INSTRUCTIONS TO FOLLOW:
Please transcribe exactly, and only, the lines of the data below between the line holding "#107=IFCPRODUCTDEFINITIONSHAPE($,$,(#106));" and the line holding "#139=IFCINDEXEDPOLYGONALFACE((5,7,8,6));", inclusive.
--- DATASET ENTRIES ---
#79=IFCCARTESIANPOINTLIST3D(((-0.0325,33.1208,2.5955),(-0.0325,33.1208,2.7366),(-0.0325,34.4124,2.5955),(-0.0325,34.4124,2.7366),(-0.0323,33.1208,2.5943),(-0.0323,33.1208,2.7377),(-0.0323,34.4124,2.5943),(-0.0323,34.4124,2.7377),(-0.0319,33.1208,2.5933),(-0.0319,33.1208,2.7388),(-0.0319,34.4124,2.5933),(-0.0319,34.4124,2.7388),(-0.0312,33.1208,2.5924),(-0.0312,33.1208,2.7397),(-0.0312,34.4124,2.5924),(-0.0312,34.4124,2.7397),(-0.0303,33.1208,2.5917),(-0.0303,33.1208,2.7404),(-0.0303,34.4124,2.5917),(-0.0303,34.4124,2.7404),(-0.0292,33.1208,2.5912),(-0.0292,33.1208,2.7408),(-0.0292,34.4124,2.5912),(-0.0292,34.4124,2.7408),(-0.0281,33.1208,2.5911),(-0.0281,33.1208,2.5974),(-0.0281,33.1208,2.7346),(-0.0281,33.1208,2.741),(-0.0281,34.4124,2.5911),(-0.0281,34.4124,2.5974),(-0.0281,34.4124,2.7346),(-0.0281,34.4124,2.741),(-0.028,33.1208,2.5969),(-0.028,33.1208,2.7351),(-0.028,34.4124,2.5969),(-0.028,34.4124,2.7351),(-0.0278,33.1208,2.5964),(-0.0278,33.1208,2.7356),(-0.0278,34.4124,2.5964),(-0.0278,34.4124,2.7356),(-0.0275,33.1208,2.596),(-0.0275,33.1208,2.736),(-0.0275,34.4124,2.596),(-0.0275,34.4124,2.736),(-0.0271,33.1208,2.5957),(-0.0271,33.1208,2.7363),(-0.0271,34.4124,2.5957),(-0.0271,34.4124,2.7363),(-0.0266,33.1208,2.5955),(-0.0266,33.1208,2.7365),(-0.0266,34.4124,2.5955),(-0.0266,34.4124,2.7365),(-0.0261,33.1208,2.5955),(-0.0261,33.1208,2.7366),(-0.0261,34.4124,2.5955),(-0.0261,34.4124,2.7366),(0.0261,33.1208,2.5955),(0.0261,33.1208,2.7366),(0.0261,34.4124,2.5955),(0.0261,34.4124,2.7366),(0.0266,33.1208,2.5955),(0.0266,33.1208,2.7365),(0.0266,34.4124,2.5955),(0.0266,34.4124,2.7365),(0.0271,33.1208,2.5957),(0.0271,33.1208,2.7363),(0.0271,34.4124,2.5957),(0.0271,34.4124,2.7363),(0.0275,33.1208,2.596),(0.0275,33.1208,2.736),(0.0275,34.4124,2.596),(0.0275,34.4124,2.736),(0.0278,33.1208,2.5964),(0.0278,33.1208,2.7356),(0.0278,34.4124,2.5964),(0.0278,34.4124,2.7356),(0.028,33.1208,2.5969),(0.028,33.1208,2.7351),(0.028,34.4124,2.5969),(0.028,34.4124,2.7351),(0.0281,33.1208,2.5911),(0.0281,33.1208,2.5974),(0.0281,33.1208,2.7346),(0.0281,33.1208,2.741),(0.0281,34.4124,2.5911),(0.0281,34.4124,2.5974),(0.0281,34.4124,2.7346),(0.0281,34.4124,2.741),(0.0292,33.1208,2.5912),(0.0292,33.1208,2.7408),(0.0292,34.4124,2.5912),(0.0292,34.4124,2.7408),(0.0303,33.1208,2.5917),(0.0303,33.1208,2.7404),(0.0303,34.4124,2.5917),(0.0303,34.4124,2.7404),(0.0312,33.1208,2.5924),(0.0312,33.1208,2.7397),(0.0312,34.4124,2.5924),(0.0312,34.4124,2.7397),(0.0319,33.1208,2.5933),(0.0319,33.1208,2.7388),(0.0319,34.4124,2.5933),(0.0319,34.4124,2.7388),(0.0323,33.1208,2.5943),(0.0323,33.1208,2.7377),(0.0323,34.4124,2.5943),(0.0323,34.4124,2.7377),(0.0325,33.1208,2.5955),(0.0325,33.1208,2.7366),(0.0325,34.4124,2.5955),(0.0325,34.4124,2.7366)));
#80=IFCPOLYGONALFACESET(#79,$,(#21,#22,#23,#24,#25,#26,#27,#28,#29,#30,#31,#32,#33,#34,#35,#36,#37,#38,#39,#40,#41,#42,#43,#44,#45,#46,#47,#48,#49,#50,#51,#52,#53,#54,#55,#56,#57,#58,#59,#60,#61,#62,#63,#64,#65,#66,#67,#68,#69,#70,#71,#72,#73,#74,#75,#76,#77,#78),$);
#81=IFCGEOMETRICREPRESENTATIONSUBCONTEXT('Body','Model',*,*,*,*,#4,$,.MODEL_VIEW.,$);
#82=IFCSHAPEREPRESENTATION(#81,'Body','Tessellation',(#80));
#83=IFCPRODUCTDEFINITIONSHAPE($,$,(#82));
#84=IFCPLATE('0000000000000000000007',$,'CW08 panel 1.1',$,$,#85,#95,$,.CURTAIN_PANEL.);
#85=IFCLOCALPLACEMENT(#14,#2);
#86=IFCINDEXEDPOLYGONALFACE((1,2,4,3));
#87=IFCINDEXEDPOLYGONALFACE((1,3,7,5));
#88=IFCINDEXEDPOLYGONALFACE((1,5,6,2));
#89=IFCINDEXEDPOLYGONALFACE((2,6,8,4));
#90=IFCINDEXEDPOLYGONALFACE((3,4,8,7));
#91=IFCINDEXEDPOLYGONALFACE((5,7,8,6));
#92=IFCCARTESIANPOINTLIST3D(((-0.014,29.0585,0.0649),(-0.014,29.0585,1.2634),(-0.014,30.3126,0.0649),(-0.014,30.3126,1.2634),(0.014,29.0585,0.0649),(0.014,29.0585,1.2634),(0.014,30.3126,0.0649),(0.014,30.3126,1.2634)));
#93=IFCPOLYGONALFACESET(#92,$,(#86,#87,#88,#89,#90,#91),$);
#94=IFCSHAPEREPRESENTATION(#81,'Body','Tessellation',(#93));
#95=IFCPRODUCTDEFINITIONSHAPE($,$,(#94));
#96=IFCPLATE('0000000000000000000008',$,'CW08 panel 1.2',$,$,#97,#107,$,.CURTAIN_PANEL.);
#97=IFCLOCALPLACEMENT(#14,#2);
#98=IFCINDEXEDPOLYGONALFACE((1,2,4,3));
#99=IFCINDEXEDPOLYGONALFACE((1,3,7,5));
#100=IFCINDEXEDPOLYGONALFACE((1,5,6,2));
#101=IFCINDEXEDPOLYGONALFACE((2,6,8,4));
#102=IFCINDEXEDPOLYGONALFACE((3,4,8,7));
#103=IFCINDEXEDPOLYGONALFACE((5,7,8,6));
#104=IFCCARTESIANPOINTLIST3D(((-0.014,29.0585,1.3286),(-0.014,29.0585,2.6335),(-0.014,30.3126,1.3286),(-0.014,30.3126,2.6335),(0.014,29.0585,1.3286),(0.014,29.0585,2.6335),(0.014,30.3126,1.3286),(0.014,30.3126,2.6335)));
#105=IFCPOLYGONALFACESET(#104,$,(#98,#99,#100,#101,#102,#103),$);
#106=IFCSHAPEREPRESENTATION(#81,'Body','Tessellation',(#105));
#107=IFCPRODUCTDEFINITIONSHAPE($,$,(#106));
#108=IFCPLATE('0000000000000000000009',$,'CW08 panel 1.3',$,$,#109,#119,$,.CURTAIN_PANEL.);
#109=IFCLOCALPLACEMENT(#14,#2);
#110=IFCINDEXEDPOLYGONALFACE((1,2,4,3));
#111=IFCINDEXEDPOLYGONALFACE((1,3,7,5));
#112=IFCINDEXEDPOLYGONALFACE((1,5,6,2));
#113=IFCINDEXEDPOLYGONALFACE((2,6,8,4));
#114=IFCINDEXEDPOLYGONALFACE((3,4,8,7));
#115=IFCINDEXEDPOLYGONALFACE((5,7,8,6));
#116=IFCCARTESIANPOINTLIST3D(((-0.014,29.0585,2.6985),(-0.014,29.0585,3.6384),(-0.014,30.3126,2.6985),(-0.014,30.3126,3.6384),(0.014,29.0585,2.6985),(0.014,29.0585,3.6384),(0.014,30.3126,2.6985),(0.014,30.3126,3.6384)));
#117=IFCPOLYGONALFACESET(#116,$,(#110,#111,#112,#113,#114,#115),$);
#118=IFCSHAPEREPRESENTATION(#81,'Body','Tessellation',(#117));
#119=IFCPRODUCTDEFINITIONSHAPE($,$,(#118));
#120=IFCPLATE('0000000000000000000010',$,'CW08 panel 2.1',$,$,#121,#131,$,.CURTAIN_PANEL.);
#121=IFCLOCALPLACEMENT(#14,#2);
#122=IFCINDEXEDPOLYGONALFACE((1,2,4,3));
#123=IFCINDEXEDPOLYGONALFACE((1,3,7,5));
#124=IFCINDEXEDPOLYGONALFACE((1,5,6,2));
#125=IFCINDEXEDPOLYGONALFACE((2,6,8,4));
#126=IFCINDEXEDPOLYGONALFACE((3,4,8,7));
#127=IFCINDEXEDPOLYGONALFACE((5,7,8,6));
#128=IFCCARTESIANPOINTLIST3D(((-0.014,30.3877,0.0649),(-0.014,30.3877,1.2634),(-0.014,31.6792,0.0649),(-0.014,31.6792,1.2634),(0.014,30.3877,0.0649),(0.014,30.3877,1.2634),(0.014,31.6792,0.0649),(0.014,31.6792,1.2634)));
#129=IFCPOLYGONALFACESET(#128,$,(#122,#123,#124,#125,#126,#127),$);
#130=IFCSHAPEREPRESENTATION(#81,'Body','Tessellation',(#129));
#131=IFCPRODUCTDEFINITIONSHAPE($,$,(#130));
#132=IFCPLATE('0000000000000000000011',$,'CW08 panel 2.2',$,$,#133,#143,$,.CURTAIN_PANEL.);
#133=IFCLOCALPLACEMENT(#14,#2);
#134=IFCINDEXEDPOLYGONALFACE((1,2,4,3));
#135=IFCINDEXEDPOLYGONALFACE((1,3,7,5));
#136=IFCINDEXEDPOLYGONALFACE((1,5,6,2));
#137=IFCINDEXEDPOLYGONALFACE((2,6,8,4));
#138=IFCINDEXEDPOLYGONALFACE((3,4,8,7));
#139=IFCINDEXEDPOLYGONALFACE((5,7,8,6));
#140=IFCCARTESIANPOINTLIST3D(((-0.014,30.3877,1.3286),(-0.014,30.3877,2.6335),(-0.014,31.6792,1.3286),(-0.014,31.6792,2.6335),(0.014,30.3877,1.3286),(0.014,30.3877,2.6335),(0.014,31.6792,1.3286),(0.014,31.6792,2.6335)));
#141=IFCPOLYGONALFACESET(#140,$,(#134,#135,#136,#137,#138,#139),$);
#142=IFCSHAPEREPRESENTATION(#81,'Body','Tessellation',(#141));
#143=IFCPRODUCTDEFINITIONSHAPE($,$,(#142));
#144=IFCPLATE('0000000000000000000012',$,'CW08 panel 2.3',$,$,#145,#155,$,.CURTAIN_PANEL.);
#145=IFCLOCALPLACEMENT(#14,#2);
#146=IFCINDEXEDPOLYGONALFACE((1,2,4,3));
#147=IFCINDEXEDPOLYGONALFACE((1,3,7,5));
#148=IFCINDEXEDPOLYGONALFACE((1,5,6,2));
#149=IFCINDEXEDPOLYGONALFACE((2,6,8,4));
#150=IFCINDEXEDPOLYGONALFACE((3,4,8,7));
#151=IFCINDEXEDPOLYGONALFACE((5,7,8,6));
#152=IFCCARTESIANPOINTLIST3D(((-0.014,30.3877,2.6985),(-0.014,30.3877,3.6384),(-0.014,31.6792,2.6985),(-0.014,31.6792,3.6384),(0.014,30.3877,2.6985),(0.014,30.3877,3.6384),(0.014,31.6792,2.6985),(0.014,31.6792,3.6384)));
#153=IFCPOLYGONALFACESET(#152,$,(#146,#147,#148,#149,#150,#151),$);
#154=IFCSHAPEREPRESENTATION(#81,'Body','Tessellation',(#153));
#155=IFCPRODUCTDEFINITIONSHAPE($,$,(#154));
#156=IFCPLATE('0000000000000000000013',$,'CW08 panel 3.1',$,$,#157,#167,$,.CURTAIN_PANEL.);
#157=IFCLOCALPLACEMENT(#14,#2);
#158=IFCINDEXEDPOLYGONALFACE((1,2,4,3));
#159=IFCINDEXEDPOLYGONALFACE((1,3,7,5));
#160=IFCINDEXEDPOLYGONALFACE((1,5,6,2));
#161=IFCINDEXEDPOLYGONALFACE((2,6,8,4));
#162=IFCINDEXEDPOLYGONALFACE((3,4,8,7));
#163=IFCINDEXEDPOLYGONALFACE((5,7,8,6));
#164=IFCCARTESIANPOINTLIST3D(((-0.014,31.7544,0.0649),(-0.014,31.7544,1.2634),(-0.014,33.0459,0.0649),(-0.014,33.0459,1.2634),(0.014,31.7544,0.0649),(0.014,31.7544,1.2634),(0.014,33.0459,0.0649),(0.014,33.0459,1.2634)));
---
RESPONSE BOX:
#107=IFCPRODUCTDEFINITIONSHAPE($,$,(#106));
#108=IFCPLATE('0000000000000000000009',$,'CW08 panel 1.3',$,$,#109,#119,$,.CURTAIN_PANEL.);
#109=IFCLOCALPLACEMENT(#14,#2);
#110=IFCINDEXEDPOLYGONALFACE((1,2,4,3));
#111=IFCINDEXEDPOLYGONALFACE((1,3,7,5));
#112=IFCINDEXEDPOLYGONALFACE((1,5,6,2));
#113=IFCINDEXEDPOLYGONALFACE((2,6,8,4));
#114=IFCINDEXEDPOLYGONALFACE((3,4,8,7));
#115=IFCINDEXEDPOLYGONALFACE((5,7,8,6));
#116=IFCCARTESIANPOINTLIST3D(((-0.014,29.0585,2.6985),(-0.014,29.0585,3.6384),(-0.014,30.3126,2.6985),(-0.014,30.3126,3.6384),(0.014,29.0585,2.6985),(0.014,29.0585,3.6384),(0.014,30.3126,2.6985),(0.014,30.3126,3.6384)));
#117=IFCPOLYGONALFACESET(#116,$,(#110,#111,#112,#113,#114,#115),$);
#118=IFCSHAPEREPRESENTATION(#81,'Body','Tessellation',(#117));
#119=IFCPRODUCTDEFINITIONSHAPE($,$,(#118));
#120=IFCPLATE('0000000000000000000010',$,'CW08 panel 2.1',$,$,#121,#131,$,.CURTAIN_PANEL.);
#121=IFCLOCALPLACEMENT(#14,#2);
#122=IFCINDEXEDPOLYGONALFACE((1,2,4,3));
#123=IFCINDEXEDPOLYGONALFACE((1,3,7,5));
#124=IFCINDEXEDPOLYGONALFACE((1,5,6,2));
#125=IFCINDEXEDPOLYGONALFACE((2,6,8,4));
#126=IFCINDEXEDPOLYGONALFACE((3,4,8,7));
#127=IFCINDEXEDPOLYGONALFACE((5,7,8,6));
#128=IFCCARTESIANPOINTLIST3D(((-0.014,30.3877,0.0649),(-0.014,30.3877,1.2634),(-0.014,31.6792,0.0649),(-0.014,31.6792,1.2634),(0.014,30.3877,0.0649),(0.014,30.3877,1.2634),(0.014,31.6792,0.0649),(0.014,31.6792,1.2634)));
#129=IFCPOLYGONALFACESET(#128,$,(#122,#123,#124,#125,#126,#127),$);
#130=IFCSHAPEREPRESENTATION(#81,'Body','Tessellation',(#129));
#131=IFCPRODUCTDEFINITIONSHAPE($,$,(#130));
#132=IFCPLATE('0000000000000000000011',$,'CW08 panel 2.2',$,$,#133,#143,$,.CURTAIN_PANEL.);
#133=IFCLOCALPLACEMENT(#14,#2);
#134=IFCINDEXEDPOLYGONALFACE((1,2,4,3));
#135=IFCINDEXEDPOLYGONALFACE((1,3,7,5));
#136=IFCINDEXEDPOLYGONALFACE((1,5,6,2));
#137=IFCINDEXEDPOLYGONALFACE((2,6,8,4));
#138=IFCINDEXEDPOLYGONALFACE((3,4,8,7));
#139=IFCINDEXEDPOLYGONALFACE((5,7,8,6));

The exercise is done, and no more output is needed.